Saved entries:
┄┄┄┄┄┄

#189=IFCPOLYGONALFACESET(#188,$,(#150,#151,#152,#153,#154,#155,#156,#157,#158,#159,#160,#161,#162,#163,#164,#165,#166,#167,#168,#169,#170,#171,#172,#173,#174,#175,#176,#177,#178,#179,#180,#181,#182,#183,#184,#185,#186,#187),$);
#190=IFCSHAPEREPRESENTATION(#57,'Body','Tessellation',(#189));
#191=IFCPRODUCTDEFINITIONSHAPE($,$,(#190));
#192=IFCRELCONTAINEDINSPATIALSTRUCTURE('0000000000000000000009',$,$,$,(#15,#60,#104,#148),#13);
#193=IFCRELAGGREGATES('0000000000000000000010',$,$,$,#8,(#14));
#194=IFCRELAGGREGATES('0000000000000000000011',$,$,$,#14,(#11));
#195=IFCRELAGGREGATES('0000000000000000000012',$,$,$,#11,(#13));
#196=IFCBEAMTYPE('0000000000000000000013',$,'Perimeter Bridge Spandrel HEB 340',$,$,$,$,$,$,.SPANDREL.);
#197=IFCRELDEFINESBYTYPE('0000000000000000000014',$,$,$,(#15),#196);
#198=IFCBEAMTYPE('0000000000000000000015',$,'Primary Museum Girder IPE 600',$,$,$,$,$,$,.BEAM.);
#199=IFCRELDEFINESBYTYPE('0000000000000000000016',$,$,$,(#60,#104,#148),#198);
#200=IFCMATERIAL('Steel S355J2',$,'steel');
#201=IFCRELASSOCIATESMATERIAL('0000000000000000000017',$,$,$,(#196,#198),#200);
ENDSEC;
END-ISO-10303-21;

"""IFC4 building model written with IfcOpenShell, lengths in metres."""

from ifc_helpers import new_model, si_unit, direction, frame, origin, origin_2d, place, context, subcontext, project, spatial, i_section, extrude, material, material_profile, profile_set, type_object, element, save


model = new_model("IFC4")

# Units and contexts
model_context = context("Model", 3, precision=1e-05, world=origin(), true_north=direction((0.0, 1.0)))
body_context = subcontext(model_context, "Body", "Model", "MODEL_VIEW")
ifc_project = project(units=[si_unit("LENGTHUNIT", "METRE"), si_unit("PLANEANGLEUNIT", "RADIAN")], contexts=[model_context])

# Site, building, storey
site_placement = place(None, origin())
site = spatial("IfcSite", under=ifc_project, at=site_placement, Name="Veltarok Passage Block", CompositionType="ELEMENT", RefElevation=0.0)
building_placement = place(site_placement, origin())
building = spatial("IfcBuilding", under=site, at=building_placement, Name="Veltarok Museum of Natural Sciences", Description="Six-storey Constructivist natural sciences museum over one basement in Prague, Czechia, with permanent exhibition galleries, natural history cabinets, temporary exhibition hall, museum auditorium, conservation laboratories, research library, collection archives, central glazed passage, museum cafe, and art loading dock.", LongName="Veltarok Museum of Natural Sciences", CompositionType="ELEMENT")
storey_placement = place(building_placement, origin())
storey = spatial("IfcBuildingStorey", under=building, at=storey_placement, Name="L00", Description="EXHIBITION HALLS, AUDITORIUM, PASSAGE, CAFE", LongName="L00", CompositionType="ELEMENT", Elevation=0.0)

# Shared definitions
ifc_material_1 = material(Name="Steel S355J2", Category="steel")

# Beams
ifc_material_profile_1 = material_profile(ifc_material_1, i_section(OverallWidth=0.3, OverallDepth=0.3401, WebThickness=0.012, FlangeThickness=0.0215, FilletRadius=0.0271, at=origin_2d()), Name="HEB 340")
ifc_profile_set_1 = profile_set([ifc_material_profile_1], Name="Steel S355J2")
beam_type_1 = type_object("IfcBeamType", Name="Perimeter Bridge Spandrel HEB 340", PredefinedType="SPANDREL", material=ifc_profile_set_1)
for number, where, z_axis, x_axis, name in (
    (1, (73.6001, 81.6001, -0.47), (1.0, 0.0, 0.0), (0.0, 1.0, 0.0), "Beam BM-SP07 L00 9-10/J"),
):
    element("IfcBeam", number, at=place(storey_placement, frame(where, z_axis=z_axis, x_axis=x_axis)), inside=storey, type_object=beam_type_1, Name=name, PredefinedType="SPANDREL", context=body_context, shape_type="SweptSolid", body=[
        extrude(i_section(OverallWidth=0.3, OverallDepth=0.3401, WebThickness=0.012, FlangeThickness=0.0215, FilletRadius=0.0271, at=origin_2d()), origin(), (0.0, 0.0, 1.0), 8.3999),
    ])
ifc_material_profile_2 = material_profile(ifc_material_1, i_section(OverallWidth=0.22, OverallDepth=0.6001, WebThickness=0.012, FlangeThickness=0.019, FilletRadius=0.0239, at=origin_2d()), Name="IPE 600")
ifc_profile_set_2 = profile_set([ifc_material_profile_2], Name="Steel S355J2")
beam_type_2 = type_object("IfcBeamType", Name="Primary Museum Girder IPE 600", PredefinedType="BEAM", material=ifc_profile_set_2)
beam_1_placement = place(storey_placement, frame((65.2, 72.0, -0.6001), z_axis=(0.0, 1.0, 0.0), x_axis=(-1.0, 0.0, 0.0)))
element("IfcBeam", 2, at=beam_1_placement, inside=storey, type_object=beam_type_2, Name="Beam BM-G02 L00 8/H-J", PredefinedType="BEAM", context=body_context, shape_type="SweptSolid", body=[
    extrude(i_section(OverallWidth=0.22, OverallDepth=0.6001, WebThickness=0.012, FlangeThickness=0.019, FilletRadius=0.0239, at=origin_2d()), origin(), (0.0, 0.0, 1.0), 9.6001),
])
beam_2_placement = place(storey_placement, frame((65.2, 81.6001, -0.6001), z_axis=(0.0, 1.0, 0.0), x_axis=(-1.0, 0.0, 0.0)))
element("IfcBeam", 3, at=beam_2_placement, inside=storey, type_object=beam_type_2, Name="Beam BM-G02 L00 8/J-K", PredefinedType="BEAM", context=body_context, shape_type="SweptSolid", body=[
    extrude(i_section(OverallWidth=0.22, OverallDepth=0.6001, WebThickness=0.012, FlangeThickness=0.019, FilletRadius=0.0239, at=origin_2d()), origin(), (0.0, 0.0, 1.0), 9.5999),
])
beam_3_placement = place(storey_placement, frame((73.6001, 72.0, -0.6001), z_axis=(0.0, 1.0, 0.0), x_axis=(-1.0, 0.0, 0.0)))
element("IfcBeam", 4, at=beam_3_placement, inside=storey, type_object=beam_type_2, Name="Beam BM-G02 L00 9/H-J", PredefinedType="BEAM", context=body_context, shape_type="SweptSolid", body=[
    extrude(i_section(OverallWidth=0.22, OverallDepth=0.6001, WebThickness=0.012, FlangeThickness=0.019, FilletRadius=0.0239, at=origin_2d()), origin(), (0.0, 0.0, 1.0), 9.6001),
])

┄┄┄┄┄┄

• [Activity]:
Reproduce the lines of the records exactly, from the first one through the line that contains "END-ISO-10303-21;".

• [Exercise output]:
#189=IFCPOLYGONALFACESET(#188,$,(#150,#151,#152,#153,#154,#155,#156,#157,#158,#159,#160,#161,#162,#163,#164,#165,#166,#167,#168,#169,#170,#171,#172,#173,#174,#175,#176,#177,#178,#179,#180,#181,#182,#183,#184,#185,#186,#187),$);
#190=IFCSHAPEREPRESENTATION(#57,'Body','Tessellation',(#189));
#191=IFCPRODUCTDEFINITIONSHAPE($,$,(#190));
#192=IFCRELCONTAINEDINSPATIALSTRUCTURE('0000000000000000000009',$,$,$,(#15,#60,#104,#148),#13);
#193=IFCRELAGGREGATES('0000000000000000000010',$,$,$,#8,(#14));
#194=IFCRELAGGREGATES('0000000000000000000011',$,$,$,#14,(#11));
#195=IFCRELAGGREGATES('0000000000000000000012',$,$,$,#11,(#13));
#196=IFCBEAMTYPE('0000000000000000000013',$,'Perimeter Bridge Spandrel HEB 340',$,$,$,$,$,$,.SPANDREL.);
#197=IFCRELDEFINESBYTYPE('0000000000000000000014',$,$,$,(#15),#196);
#198=IFCBEAMTYPE('0000000000000000000015',$,'Primary Museum Girder IPE 600',$,$,$,$,$,$,.BEAM.);
#199=IFCRELDEFINESBYTYPE('0000000000000000000016',$,$,$,(#60,#104,#148),#198);
#200=IFCMATERIAL('Steel S355J2',$,'steel');
#201=IFCRELASSOCIATESMATERIAL('0000000000000000000017',$,$,$,(#196,#198),#200);
ENDSEC;
END-ISO-10303-21;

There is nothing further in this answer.